WORK TO COMPLETE: Could you transcribe all of the data word for word?

INPUT RECORDS:
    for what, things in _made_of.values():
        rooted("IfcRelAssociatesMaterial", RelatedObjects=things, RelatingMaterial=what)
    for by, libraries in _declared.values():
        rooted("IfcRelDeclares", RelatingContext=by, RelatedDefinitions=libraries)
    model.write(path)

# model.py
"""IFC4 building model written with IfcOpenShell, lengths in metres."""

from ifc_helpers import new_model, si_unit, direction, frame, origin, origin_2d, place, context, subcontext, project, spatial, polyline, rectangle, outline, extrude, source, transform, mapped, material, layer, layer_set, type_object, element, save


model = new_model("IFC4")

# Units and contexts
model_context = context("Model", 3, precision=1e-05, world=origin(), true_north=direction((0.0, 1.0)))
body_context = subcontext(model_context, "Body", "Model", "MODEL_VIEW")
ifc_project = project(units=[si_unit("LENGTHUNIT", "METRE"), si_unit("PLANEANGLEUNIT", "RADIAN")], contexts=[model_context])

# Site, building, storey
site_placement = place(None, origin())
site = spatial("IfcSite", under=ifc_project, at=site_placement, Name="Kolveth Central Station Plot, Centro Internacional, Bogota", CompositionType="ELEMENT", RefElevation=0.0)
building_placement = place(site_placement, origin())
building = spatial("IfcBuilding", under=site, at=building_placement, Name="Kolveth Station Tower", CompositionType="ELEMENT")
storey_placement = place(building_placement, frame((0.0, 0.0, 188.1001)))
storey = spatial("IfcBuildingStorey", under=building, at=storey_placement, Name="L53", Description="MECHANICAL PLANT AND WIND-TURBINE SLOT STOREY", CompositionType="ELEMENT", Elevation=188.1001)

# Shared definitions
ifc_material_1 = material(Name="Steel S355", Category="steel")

ANSWER AREA:
    for what, things in _made_of.values():
        rooted("IfcRelAssociatesMaterial", RelatedObjects=things, RelatingMaterial=what)
    for by, libraries in _declared.values():
        rooted("IfcRelDeclares", RelatingContext=by, RelatedDefinitions=libraries)
    model.write(path)

# model.py
"""IFC4 building model written with IfcOpenShell, lengths in metres."""

from ifc_helpers import new_model, si_unit, direction, frame, origin, origin_2d, place, context, subcontext, project, spatial, polyline, rectangle, outline, extrude, source, transform, mapped, material, layer, layer_set, type_object, element, save


model = new_model("IFC4")

# Units and contexts
model_context = context("Model", 3, precision=1e-05, world=origin(), true_north=direction((0.0, 1.0)))
body_context = subcontext(model_context, "Body", "Model", "MODEL_VIEW")
ifc_project = project(units=[si_unit("LENGTHUNIT", "METRE"), si_unit("PLANEANGLEUNIT", "RADIAN")], contexts=[model_context])

# Site, building, storey
site_placement = place(None, origin())
site = spatial("IfcSite", under=ifc_project, at=site_placement, Name="Kolveth Central Station Plot, Centro Internacional, Bogota", CompositionType="ELEMENT", RefElevation=0.0)
building_placement = place(site_placement, origin())
building = spatial("IfcBuilding", under=site, at=building_placement, Name="Kolveth Station Tower", CompositionType="ELEMENT")
storey_placement = place(building_placement, frame((0.0, 0.0, 188.1001)))
storey = spatial("IfcBuildingStorey", under=building, at=storey_placement, Name="L53", Description="MECHANICAL PLANT AND WIND-TURBINE SLOT STOREY", CompositionType="ELEMENT", Elevation=188.1001)

# Shared definitions
ifc_material_1 = material(Name="Steel S355", Category="steel")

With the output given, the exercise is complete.